■ What the task requires: Would you return, word for word, the lines of the data below from the line with "#143=IFCINDEXEDPOLYGONALFACE((12,35,36,13));" through the line with "#161=IFCRELAGGREGATES('0000000000000000000017',$,$,$,#8,(#16));", and no others?

■ Data in this exercise:
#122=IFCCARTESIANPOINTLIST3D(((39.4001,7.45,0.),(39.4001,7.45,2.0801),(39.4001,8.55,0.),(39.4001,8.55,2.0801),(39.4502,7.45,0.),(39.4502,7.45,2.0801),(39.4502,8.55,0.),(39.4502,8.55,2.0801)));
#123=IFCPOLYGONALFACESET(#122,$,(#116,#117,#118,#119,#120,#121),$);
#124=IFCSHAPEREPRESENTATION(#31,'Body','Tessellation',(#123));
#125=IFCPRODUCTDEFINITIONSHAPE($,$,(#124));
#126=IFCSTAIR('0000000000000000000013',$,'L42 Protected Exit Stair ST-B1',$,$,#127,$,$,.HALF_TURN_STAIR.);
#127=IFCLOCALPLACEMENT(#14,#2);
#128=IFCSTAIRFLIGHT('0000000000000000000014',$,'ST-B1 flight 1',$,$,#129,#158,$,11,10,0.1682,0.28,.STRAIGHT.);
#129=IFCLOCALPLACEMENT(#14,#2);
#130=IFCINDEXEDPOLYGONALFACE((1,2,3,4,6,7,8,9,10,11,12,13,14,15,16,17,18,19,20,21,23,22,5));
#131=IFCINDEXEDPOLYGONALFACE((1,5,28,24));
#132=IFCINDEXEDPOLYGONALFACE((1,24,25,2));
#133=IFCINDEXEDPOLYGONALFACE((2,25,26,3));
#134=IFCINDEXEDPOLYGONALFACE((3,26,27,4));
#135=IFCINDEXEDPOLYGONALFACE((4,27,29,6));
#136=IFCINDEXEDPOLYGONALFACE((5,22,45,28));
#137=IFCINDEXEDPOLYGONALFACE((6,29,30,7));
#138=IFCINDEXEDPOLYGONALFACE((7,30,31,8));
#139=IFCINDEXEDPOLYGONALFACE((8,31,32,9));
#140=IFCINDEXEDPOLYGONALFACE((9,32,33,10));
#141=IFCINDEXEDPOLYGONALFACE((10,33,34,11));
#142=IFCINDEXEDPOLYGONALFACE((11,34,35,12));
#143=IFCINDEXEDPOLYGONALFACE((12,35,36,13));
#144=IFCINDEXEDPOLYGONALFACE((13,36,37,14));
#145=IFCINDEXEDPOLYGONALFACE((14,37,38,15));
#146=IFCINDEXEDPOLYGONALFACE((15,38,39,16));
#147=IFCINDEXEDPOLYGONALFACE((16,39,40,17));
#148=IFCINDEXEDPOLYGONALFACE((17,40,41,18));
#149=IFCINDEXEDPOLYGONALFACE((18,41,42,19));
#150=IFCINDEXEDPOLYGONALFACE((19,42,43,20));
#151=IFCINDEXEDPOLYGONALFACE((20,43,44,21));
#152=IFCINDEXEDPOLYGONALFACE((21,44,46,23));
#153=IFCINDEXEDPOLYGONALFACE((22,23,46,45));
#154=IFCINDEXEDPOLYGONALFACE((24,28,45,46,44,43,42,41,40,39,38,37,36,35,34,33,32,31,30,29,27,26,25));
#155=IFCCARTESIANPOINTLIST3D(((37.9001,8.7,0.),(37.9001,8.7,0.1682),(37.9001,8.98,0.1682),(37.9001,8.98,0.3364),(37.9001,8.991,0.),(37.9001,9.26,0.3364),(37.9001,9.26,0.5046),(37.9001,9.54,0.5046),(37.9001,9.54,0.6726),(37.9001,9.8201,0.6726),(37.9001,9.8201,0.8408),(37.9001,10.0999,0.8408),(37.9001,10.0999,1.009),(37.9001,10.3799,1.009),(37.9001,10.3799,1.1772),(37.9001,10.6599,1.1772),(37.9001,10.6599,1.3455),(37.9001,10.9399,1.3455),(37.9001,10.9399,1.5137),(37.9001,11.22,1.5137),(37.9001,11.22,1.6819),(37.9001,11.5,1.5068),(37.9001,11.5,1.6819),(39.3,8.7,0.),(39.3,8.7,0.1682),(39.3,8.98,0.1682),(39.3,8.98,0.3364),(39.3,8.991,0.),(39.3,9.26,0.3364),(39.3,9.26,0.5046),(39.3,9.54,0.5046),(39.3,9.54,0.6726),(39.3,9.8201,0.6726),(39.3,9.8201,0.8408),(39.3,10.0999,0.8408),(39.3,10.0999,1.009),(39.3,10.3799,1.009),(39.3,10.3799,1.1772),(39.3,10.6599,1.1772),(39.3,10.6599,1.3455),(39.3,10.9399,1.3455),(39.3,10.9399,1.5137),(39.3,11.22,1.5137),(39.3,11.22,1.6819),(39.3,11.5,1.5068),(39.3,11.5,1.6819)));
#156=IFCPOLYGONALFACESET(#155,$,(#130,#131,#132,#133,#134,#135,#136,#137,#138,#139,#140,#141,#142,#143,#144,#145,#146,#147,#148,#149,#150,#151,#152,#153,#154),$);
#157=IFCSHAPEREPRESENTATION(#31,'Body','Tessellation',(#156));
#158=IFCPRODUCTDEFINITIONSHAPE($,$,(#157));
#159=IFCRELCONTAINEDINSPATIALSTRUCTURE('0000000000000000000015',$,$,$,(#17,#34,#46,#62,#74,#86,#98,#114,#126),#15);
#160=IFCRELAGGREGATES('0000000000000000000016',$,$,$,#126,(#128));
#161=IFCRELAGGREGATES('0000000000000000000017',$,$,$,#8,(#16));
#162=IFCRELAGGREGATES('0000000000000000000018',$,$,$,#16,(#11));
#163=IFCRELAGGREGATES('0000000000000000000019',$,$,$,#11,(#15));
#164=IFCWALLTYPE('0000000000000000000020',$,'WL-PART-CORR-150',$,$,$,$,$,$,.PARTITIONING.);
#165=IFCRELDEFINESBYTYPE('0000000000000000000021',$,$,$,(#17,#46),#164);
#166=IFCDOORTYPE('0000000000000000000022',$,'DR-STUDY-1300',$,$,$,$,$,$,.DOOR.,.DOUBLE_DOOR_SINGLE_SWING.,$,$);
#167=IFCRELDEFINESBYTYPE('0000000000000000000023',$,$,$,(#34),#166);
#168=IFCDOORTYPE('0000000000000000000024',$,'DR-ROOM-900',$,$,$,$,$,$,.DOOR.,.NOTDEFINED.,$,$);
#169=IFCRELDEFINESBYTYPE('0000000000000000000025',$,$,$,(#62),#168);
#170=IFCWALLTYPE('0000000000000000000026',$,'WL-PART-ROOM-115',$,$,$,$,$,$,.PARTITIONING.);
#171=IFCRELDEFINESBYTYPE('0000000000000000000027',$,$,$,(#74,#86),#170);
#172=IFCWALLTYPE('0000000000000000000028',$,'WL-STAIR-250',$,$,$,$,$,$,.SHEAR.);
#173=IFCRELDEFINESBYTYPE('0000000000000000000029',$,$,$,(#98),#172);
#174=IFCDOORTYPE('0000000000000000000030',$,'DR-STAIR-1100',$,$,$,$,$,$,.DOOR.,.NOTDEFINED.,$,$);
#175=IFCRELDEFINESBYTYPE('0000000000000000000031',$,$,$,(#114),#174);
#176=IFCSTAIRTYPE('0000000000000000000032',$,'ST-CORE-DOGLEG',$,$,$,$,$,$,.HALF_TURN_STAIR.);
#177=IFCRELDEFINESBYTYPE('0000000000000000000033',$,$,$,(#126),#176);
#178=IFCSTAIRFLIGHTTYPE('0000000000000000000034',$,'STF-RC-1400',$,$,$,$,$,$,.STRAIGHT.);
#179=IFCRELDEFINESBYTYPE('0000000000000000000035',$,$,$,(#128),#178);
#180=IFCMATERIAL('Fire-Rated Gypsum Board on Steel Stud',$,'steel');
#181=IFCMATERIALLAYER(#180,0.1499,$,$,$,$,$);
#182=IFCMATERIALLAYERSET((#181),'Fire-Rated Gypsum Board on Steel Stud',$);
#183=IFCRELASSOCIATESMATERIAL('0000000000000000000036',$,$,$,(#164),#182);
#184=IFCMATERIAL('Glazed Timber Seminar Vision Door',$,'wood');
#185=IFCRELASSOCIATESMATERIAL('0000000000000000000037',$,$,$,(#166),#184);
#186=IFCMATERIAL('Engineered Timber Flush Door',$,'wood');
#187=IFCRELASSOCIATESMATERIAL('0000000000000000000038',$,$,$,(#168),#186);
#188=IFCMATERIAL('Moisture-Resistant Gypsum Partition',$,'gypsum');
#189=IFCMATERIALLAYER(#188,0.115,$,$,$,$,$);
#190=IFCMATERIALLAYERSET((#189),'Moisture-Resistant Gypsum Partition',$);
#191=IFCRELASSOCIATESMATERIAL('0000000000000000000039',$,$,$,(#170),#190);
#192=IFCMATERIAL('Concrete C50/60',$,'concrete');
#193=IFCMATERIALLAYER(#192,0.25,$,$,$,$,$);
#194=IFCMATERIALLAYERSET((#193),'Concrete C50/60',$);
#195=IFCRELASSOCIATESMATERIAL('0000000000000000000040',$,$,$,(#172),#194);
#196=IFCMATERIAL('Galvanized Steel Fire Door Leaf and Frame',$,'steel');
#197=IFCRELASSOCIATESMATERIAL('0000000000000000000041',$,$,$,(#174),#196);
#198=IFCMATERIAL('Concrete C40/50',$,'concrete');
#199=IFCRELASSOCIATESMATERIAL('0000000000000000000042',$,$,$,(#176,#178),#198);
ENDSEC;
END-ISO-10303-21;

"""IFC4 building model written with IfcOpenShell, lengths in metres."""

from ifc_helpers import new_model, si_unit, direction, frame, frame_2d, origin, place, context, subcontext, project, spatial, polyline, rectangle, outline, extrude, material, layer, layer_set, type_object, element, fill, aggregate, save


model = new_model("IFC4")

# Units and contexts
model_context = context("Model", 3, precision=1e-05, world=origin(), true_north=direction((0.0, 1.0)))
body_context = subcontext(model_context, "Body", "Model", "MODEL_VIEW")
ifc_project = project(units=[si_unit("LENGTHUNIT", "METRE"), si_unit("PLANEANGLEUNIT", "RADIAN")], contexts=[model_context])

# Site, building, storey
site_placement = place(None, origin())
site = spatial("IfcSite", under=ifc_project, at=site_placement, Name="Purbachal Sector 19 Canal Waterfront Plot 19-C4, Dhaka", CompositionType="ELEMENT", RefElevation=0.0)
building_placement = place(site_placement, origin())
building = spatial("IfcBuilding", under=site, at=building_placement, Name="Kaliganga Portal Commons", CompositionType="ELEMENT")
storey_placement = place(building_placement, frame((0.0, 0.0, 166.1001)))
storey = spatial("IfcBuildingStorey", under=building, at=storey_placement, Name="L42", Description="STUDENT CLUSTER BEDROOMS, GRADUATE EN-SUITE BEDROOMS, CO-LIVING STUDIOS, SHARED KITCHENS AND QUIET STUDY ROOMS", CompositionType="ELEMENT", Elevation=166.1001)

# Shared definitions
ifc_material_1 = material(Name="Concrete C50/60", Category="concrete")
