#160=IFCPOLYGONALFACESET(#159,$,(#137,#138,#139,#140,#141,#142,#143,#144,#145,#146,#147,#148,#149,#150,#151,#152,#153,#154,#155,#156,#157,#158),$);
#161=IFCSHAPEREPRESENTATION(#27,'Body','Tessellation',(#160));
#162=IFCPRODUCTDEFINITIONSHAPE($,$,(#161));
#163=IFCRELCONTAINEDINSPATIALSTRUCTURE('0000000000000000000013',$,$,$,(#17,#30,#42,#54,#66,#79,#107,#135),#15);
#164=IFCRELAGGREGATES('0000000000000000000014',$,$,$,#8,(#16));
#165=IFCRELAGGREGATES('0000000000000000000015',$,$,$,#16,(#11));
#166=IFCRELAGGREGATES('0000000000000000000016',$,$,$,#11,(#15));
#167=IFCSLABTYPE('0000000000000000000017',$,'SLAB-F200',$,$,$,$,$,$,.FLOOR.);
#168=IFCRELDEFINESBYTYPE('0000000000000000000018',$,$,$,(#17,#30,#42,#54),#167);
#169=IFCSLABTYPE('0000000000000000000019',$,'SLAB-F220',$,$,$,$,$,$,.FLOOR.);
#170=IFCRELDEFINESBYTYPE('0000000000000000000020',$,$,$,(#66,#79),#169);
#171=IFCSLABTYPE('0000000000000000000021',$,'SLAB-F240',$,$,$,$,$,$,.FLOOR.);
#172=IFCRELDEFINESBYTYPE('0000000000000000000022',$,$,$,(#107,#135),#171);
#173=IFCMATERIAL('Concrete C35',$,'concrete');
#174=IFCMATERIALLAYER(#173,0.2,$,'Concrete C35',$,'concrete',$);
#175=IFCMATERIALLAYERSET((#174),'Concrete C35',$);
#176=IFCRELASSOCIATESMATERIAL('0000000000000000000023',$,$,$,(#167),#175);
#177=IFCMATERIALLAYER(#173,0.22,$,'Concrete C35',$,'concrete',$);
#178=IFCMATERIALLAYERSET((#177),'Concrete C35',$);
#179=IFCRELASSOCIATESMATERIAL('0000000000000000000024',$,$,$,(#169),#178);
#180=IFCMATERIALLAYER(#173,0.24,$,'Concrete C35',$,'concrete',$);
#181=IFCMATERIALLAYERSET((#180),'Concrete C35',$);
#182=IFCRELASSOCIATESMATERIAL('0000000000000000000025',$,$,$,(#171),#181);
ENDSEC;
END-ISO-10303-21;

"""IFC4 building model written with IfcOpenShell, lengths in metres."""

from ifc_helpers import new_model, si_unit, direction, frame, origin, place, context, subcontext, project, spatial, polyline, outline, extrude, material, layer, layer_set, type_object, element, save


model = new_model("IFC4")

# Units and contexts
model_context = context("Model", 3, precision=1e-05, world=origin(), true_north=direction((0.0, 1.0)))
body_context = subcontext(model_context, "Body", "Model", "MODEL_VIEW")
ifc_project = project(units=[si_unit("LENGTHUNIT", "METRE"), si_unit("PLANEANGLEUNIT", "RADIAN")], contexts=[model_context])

■ Answer to the problem:
#143=IFCINDEXEDPOLYGONALFACE((12,35,36,13));
#144=IFCINDEXEDPOLYGONALFACE((13,36,37,14));
#145=IFCINDEXEDPOLYGONALFACE((14,37,38,15));
#146=IFCINDEXEDPOLYGONALFACE((15,38,39,16));
#147=IFCINDEXEDPOLYGONALFACE((16,39,40,17));
#148=IFCINDEXEDPOLYGONALFACE((17,40,41,18));
#149=IFCINDEXEDPOLYGONALFACE((18,41,42,19));
#150=IFCINDEXEDPOLYGONALFACE((19,42,43,20));
#151=IFCINDEXEDPOLYGONALFACE((20,43,44,21));
#152=IFCINDEXEDPOLYGONALFACE((21,44,46,23));
#153=IFCINDEXEDPOLYGONALFACE((22,23,46,45));
#154=IFCINDEXEDPOLYGONALFACE((24,28,45,46,44,43,42,41,40,39,38,37,36,35,34,33,32,31,30,29,27,26,25));
#155=IFCCARTESIANPOINTLIST3D(((37.9001,8.7,0.),(37.9001,8.7,0.1682),(37.9001,8.98,0.1682),(37.9001,8.98,0.3364),(37.9001,8.991,0.),(37.9001,9.26,0.3364),(37.9001,9.26,0.5046),(37.9001,9.54,0.5046),(37.9001,9.54,0.6726),(37.9001,9.8201,0.6726),(37.9001,9.8201,0.8408),(37.9001,10.0999,0.8408),(37.9001,10.0999,1.009),(37.9001,10.3799,1.009),(37.9001,10.3799,1.1772),(37.9001,10.6599,1.1772),(37.9001,10.6599,1.3455),(37.9001,10.9399,1.3455),(37.9001,10.9399,1.5137),(37.9001,11.22,1.5137),(37.9001,11.22,1.6819),(37.9001,11.5,1.5068),(37.9001,11.5,1.6819),(39.3,8.7,0.),(39.3,8.7,0.1682),(39.3,8.98,0.1682),(39.3,8.98,0.3364),(39.3,8.991,0.),(39.3,9.26,0.3364),(39.3,9.26,0.5046),(39.3,9.54,0.5046),(39.3,9.54,0.6726),(39.3,9.8201,0.6726),(39.3,9.8201,0.8408),(39.3,10.0999,0.8408),(39.3,10.0999,1.009),(39.3,10.3799,1.009),(39.3,10.3799,1.1772),(39.3,10.6599,1.1772),(39.3,10.6599,1.3455),(39.3,10.9399,1.3455),(39.3,10.9399,1.5137),(39.3,11.22,1.5137),(39.3,11.22,1.6819),(39.3,11.5,1.5068),(39.3,11.5,1.6819)));
#156=IFCPOLYGONALFACESET(#155,$,(#130,#131,#132,#133,#134,#135,#136,#137,#138,#139,#140,#141,#142,#143,#144,#145,#146,#147,#148,#149,#150,#151,#152,#153,#154),$);
#157=IFCSHAPEREPRESENTATION(#31,'Body','Tessellation',(#156));
#158=IFCPRODUCTDEFINITIONSHAPE($,$,(#157));
#159=IFCRELCONTAINEDINSPATIALSTRUCTURE('0000000000000000000015',$,$,$,(#17,#34,#46,#62,#74,#86,#98,#114,#126),#15);
#160=IFCRELAGGREGATES('0000000000000000000016',$,$,$,#126,(#128));
#161=IFCRELAGGREGATES('0000000000000000000017',$,$,$,#8,(#16));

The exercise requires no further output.